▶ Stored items
*** Block opens ***

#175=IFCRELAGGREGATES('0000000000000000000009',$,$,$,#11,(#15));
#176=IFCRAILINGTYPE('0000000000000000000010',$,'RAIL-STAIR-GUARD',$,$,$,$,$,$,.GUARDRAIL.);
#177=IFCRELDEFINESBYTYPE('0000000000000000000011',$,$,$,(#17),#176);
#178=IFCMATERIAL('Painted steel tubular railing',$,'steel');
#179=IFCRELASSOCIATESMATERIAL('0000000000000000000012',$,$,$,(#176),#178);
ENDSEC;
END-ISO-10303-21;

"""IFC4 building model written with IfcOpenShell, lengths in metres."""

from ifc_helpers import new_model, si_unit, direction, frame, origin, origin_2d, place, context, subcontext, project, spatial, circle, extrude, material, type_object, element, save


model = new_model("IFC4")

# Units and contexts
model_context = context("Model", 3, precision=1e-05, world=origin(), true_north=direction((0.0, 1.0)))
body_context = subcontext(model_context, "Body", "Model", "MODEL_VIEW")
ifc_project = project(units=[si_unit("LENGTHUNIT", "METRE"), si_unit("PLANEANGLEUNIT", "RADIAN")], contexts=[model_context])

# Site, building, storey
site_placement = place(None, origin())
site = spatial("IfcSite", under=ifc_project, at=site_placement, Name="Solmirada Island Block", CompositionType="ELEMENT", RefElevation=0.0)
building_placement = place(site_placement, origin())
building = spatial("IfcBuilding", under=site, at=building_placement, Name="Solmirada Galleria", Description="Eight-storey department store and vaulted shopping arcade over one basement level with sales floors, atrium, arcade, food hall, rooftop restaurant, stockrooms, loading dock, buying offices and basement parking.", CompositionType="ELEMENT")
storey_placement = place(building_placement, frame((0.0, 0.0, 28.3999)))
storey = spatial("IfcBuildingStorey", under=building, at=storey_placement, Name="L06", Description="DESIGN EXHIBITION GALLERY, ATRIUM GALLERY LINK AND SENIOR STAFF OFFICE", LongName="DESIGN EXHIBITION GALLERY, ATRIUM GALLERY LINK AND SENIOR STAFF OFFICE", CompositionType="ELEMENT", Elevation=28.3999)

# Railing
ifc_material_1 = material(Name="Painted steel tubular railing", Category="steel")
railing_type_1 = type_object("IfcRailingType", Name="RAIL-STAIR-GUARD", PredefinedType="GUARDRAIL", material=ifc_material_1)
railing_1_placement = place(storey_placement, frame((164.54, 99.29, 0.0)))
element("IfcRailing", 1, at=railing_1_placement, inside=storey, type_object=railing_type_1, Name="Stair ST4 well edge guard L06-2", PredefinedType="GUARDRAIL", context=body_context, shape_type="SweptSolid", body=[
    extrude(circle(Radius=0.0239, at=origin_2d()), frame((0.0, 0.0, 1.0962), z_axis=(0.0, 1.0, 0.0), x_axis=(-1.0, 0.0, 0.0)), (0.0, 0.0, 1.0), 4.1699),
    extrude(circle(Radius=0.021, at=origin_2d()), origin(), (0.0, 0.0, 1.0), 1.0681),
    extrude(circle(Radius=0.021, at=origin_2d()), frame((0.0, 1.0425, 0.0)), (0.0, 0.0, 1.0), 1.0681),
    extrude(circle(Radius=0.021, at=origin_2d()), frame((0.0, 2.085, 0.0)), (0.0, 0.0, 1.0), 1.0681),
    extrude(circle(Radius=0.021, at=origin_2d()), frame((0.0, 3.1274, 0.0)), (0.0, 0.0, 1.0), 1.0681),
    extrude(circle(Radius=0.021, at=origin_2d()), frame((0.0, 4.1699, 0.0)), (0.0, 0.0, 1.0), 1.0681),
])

*** Block closes ***

▶ To do
Lines from the beginning of the data above through the line containing "building_placement = place(site_placement, origin())" are to be returned exactly, and no others.

▶ Exercise output
#175=IFCRELAGGREGATES('0000000000000000000009',$,$,$,#11,(#15));
#176=IFCRAILINGTYPE('0000000000000000000010',$,'RAIL-STAIR-GUARD',$,$,$,$,$,$,.GUARDRAIL.);
#177=IFCRELDEFINESBYTYPE('0000000000000000000011',$,$,$,(#17),#176);
#178=IFCMATERIAL('Painted steel tubular railing',$,'steel');
#179=IFCRELASSOCIATESMATERIAL('0000000000000000000012',$,$,$,(#176),#178);
ENDSEC;
END-ISO-10303-21;

"""IFC4 building model written with IfcOpenShell, lengths in metres."""

from ifc_helpers import new_model, si_unit, direction, frame, origin, origin_2d, place, context, subcontext, project, spatial, circle, extrude, material, type_object, element, save


model = new_model("IFC4")

# Units and contexts
model_context = context("Model", 3, precision=1e-05, world=origin(), true_north=direction((0.0, 1.0)))
body_context = subcontext(model_context, "Body", "Model", "MODEL_VIEW")
ifc_project = project(units=[si_unit("LENGTHUNIT", "METRE"), si_unit("PLANEANGLEUNIT", "RADIAN")], contexts=[model_context])

# Site, building, storey
site_placement = place(None, origin())
site = spatial("IfcSite", under=ifc_project, at=site_placement, Name="Solmirada Island Block", CompositionType="ELEMENT", RefElevation=0.0)
building_placement = place(site_placement, origin())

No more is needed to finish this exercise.